__TASK INSTRUCTIONS__: Once you find the line containing "every whole, place, type" in the data below, copy it and each following line exactly, up to and including the line containing "model.write(path)", and nothing else.

__Records from a dataset__:
▼
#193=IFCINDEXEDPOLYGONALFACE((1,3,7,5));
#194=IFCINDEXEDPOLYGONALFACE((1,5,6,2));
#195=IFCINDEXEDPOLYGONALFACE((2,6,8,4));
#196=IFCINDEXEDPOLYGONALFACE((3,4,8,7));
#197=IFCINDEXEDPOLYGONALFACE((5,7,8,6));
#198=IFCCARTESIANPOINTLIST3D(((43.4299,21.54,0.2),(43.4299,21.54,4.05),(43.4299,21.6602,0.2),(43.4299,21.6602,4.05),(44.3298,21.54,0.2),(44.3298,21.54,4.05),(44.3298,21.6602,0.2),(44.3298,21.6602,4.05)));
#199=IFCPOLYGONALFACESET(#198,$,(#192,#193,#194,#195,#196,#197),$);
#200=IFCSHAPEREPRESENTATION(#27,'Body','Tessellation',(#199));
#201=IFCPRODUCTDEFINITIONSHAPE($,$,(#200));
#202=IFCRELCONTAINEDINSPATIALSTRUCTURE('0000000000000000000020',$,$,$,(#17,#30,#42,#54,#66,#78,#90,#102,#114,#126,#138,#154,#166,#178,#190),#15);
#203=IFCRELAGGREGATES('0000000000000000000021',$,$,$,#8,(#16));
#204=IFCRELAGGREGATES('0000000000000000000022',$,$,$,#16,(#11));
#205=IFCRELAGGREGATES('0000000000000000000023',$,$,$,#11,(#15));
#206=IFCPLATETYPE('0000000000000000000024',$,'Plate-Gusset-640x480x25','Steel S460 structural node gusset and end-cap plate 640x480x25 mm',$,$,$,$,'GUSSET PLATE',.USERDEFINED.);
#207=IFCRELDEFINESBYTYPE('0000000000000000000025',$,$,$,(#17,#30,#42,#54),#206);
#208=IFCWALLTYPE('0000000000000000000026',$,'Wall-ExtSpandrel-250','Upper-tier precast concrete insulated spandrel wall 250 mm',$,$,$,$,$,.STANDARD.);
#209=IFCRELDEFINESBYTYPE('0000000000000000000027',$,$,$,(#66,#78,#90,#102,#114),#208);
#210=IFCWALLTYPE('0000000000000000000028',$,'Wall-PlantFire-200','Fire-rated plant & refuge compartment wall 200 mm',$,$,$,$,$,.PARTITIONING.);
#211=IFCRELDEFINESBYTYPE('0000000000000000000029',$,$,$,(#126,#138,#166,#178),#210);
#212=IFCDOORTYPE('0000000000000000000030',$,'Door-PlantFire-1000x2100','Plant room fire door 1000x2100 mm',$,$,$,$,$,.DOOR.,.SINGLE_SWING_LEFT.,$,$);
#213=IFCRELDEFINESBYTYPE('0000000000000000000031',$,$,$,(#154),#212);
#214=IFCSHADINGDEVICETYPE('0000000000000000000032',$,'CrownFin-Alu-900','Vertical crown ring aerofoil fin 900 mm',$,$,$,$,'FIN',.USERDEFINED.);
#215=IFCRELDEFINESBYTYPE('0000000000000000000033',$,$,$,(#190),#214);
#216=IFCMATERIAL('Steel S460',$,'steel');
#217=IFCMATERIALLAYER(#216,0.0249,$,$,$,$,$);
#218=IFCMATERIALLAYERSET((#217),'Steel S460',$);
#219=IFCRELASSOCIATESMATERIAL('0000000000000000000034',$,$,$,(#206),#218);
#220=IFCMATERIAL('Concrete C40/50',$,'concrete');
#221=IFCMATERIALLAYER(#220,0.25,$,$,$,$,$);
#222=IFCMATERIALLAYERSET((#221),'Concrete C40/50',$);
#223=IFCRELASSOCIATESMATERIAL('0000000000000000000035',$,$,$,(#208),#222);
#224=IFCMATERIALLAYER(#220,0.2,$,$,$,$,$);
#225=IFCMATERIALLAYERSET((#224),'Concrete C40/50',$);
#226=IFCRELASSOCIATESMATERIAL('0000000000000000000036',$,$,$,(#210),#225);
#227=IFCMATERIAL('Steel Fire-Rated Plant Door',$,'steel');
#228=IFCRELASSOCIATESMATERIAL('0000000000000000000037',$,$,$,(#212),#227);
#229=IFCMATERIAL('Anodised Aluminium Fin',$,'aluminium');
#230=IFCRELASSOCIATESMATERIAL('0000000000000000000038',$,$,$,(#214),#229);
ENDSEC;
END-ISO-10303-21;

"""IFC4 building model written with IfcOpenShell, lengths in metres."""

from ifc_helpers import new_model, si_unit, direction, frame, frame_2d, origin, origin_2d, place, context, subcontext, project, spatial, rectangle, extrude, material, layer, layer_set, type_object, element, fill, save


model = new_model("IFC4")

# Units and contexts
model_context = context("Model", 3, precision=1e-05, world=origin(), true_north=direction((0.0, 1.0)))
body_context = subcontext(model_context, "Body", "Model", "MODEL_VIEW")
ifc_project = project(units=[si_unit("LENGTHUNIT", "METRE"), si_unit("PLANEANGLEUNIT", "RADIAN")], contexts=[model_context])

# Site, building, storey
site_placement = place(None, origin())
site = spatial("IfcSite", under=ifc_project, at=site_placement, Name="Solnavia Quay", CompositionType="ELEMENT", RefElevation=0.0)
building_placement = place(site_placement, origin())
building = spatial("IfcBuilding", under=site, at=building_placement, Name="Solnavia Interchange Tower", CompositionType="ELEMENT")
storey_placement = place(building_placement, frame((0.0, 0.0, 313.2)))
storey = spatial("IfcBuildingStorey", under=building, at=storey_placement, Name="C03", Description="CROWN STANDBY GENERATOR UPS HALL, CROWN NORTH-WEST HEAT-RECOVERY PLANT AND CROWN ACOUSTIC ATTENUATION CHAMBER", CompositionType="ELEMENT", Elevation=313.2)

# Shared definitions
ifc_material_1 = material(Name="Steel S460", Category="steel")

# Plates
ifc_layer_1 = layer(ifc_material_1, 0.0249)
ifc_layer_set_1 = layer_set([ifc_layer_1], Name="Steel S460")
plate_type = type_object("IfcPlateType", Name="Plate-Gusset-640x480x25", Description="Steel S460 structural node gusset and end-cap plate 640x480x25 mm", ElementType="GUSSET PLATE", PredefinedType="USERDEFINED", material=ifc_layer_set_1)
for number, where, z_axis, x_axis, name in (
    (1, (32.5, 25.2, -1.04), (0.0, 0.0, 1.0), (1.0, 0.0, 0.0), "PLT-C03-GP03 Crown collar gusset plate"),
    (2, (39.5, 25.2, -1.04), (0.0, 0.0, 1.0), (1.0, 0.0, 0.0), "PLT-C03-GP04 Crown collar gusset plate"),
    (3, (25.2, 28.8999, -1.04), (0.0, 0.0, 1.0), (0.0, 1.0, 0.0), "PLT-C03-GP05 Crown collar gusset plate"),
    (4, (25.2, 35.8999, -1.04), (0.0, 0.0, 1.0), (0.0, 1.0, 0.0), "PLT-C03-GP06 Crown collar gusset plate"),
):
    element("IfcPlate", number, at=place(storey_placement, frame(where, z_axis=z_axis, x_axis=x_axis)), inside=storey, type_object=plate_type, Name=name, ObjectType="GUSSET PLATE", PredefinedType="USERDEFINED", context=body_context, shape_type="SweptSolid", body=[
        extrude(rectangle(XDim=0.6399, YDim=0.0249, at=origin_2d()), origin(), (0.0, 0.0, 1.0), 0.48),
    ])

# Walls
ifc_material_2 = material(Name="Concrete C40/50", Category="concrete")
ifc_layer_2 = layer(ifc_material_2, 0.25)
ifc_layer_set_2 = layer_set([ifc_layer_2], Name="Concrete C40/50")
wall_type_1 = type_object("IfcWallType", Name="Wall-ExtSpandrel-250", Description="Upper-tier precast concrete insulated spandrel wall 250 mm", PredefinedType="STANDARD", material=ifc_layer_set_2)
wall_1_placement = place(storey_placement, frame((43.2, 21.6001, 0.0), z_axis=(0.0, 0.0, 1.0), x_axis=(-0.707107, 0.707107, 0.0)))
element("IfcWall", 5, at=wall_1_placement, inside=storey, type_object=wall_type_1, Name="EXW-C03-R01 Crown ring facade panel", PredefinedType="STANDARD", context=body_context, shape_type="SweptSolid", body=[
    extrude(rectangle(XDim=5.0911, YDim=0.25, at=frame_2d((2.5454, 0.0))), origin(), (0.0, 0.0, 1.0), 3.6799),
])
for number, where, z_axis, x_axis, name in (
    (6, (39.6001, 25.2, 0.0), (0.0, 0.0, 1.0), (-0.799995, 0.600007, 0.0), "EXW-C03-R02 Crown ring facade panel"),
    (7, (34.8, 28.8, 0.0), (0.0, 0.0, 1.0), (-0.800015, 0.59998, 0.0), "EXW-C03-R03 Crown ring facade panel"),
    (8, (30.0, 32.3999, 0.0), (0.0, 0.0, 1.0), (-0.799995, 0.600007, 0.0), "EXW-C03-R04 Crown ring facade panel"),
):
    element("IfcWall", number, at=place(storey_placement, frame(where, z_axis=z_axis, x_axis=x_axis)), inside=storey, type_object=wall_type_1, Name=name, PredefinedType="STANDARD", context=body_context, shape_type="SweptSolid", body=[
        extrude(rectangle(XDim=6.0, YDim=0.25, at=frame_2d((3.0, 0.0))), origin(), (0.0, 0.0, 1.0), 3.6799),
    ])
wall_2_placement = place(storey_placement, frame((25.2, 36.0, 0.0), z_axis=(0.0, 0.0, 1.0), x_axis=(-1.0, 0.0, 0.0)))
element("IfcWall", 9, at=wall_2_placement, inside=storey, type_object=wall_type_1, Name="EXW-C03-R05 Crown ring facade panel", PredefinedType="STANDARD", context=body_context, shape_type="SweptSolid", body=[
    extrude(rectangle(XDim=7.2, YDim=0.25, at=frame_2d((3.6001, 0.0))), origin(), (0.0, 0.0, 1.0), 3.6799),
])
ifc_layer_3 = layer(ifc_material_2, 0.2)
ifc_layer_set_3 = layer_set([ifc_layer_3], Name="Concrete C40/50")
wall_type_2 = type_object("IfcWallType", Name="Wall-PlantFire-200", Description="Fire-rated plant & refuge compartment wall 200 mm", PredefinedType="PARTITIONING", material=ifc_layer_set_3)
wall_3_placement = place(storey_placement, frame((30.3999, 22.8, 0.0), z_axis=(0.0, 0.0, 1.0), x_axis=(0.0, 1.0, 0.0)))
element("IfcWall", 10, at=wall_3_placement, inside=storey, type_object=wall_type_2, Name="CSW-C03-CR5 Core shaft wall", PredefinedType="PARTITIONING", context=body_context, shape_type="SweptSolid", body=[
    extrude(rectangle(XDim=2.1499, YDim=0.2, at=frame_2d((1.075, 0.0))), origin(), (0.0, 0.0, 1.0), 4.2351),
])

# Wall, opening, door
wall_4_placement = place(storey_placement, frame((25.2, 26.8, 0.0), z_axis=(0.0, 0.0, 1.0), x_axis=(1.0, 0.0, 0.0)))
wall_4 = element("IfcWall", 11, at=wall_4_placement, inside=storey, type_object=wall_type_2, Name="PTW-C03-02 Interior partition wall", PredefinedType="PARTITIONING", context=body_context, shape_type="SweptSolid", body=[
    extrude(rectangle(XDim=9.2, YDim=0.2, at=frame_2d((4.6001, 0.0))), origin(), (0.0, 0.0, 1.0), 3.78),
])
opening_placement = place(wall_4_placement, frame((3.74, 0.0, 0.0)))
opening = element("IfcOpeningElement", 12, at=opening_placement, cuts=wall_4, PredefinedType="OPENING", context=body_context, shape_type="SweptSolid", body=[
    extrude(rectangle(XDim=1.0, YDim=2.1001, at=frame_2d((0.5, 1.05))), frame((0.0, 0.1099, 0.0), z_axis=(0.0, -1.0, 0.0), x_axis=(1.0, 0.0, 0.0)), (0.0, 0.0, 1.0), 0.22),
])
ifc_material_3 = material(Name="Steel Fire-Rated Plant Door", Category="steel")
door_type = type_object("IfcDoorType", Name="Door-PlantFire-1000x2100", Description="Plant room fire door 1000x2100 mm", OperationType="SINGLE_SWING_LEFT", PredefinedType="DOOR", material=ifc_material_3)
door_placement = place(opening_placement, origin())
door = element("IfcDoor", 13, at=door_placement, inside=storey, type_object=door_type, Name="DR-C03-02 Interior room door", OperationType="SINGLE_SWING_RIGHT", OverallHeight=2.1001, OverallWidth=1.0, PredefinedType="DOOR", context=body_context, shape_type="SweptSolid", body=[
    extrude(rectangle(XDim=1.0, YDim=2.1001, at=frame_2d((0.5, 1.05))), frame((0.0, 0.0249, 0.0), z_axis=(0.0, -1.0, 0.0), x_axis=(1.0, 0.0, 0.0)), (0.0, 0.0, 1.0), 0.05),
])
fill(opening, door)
▲
▼
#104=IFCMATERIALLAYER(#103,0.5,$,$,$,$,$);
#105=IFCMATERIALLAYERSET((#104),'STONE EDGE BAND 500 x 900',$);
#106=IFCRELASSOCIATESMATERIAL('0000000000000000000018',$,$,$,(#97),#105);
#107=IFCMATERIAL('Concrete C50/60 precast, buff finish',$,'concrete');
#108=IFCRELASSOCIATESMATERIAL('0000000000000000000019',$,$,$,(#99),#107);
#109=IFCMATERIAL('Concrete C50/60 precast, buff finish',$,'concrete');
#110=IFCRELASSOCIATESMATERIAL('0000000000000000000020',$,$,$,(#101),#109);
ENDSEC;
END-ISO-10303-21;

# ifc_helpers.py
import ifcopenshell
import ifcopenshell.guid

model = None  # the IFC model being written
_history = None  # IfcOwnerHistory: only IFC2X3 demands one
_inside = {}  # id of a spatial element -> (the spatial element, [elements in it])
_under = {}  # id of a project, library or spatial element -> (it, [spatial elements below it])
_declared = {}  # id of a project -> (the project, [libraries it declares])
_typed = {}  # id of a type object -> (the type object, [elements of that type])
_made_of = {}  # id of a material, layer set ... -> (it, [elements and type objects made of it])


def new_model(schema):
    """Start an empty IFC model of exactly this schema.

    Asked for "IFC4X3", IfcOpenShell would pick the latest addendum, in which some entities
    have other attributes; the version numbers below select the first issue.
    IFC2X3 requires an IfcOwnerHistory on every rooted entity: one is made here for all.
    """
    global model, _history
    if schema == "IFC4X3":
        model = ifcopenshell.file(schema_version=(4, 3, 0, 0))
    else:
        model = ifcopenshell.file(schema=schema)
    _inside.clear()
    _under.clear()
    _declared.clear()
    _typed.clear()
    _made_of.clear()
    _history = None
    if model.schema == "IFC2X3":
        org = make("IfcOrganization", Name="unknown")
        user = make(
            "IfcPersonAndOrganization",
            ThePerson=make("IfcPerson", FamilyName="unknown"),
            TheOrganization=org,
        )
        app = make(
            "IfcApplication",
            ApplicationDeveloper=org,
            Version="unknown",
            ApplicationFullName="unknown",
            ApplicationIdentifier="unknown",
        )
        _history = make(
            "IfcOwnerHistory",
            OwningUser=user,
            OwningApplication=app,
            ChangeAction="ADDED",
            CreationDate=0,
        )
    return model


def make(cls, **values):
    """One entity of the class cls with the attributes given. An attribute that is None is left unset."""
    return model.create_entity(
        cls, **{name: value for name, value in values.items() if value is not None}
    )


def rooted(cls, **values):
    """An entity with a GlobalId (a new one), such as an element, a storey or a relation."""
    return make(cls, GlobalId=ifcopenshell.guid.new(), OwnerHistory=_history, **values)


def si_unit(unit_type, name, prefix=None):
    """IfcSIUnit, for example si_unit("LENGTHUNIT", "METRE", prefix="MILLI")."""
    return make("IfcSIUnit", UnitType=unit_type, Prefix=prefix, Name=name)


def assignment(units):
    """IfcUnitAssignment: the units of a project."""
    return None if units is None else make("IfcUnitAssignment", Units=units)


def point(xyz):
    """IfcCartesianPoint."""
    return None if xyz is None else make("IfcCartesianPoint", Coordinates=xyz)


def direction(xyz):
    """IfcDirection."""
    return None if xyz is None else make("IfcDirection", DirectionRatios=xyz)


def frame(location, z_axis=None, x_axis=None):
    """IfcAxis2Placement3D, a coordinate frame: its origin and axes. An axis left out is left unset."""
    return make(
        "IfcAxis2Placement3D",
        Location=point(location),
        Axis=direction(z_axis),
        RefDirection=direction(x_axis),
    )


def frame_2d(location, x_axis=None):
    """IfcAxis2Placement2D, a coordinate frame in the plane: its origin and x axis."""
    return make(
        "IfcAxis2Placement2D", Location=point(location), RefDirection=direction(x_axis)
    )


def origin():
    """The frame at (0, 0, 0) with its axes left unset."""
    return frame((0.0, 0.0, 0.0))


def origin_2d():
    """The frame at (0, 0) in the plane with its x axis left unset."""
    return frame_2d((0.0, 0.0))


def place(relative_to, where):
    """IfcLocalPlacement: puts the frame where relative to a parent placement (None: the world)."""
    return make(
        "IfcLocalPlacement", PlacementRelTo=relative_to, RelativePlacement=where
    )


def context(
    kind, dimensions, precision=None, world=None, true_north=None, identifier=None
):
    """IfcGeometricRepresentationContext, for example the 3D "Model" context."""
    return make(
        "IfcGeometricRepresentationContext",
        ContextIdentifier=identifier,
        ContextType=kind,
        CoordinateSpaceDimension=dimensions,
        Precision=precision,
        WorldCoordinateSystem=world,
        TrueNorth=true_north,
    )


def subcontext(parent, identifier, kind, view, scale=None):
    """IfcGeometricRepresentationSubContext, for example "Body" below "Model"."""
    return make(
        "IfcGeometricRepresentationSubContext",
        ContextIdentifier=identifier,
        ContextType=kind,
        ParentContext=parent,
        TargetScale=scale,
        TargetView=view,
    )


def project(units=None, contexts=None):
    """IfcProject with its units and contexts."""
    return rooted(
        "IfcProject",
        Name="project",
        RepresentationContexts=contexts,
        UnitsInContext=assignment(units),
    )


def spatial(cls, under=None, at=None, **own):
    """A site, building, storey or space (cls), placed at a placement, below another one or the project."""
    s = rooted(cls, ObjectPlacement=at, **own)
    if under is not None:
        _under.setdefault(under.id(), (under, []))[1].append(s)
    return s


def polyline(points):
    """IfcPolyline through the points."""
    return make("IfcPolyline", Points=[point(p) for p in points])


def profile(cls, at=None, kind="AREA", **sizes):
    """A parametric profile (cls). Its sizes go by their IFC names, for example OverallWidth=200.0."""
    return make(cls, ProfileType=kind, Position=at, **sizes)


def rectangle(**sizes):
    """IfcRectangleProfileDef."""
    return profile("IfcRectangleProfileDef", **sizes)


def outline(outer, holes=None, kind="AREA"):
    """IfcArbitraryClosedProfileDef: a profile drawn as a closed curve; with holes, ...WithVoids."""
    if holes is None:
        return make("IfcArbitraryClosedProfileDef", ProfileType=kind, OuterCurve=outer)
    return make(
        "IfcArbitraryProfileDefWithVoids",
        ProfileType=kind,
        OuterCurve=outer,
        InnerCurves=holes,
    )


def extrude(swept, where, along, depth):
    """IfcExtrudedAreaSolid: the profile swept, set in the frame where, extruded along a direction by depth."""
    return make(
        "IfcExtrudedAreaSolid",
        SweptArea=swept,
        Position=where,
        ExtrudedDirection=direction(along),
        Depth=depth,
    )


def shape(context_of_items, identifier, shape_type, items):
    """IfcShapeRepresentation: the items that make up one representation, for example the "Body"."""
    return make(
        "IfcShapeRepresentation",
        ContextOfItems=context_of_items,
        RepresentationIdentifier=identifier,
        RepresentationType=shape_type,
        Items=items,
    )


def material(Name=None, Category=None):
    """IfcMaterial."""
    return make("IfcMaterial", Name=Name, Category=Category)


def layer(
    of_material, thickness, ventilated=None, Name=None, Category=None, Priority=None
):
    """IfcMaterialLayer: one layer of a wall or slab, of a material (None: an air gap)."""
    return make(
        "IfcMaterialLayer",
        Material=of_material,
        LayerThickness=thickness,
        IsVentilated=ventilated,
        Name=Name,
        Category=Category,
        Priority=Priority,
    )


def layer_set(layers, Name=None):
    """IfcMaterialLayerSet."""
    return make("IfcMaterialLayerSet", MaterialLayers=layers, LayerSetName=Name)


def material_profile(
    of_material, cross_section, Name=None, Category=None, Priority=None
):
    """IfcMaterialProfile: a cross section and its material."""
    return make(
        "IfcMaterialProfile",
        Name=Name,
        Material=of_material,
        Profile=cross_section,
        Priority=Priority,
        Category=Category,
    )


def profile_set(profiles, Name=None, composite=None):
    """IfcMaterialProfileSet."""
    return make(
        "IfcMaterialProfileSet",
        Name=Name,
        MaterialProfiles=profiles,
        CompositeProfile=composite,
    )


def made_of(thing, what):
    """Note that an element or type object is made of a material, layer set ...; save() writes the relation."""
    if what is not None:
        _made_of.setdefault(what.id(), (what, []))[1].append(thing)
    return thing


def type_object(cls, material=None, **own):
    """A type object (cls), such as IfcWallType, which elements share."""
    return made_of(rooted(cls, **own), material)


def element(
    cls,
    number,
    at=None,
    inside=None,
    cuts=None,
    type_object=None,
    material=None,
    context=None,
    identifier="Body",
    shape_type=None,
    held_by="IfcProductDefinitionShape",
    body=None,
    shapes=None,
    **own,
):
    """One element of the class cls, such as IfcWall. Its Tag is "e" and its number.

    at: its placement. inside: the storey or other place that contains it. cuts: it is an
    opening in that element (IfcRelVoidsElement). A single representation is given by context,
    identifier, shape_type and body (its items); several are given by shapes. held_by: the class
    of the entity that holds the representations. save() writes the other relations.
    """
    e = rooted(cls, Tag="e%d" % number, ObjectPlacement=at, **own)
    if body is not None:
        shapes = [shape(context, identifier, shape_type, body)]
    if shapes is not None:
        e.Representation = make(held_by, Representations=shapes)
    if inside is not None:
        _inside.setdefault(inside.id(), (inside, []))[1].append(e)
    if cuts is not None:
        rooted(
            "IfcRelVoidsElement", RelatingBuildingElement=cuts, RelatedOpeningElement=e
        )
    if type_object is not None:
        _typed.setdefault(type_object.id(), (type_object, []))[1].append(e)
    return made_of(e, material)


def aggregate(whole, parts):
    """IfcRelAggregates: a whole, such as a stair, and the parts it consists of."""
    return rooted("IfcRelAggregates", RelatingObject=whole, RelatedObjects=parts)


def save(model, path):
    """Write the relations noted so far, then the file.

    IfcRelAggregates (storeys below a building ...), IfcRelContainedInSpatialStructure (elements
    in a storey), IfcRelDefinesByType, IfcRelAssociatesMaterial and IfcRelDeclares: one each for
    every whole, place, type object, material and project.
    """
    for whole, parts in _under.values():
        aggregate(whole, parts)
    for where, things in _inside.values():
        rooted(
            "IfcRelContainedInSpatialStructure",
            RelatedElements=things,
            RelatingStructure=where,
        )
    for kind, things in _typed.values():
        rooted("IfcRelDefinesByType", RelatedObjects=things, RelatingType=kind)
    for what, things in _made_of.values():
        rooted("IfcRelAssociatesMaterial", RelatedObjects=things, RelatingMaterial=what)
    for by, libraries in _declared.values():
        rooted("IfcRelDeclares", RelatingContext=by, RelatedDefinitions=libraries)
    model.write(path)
▲
__RESPONSE TO THIS TASK__:
    every whole, place, type object, material and project.
    """
    for whole, parts in _under.values():
        aggregate(whole, parts)
    for where, things in _inside.values():
        rooted(
            "IfcRelContainedInSpatialStructure",
            RelatedElements=things,
            RelatingStructure=where,
        )
    for kind, things in _typed.values():
        rooted("IfcRelDefinesByType", RelatedObjects=things, RelatingType=kind)
    for what, things in _made_of.values():
        rooted("IfcRelAssociatesMaterial", RelatedObjects=things, RelatingMaterial=what)
    for by, libraries in _declared.values():
        rooted("IfcRelDeclares", RelatingContext=by, RelatedDefinitions=libraries)
    model.write(path)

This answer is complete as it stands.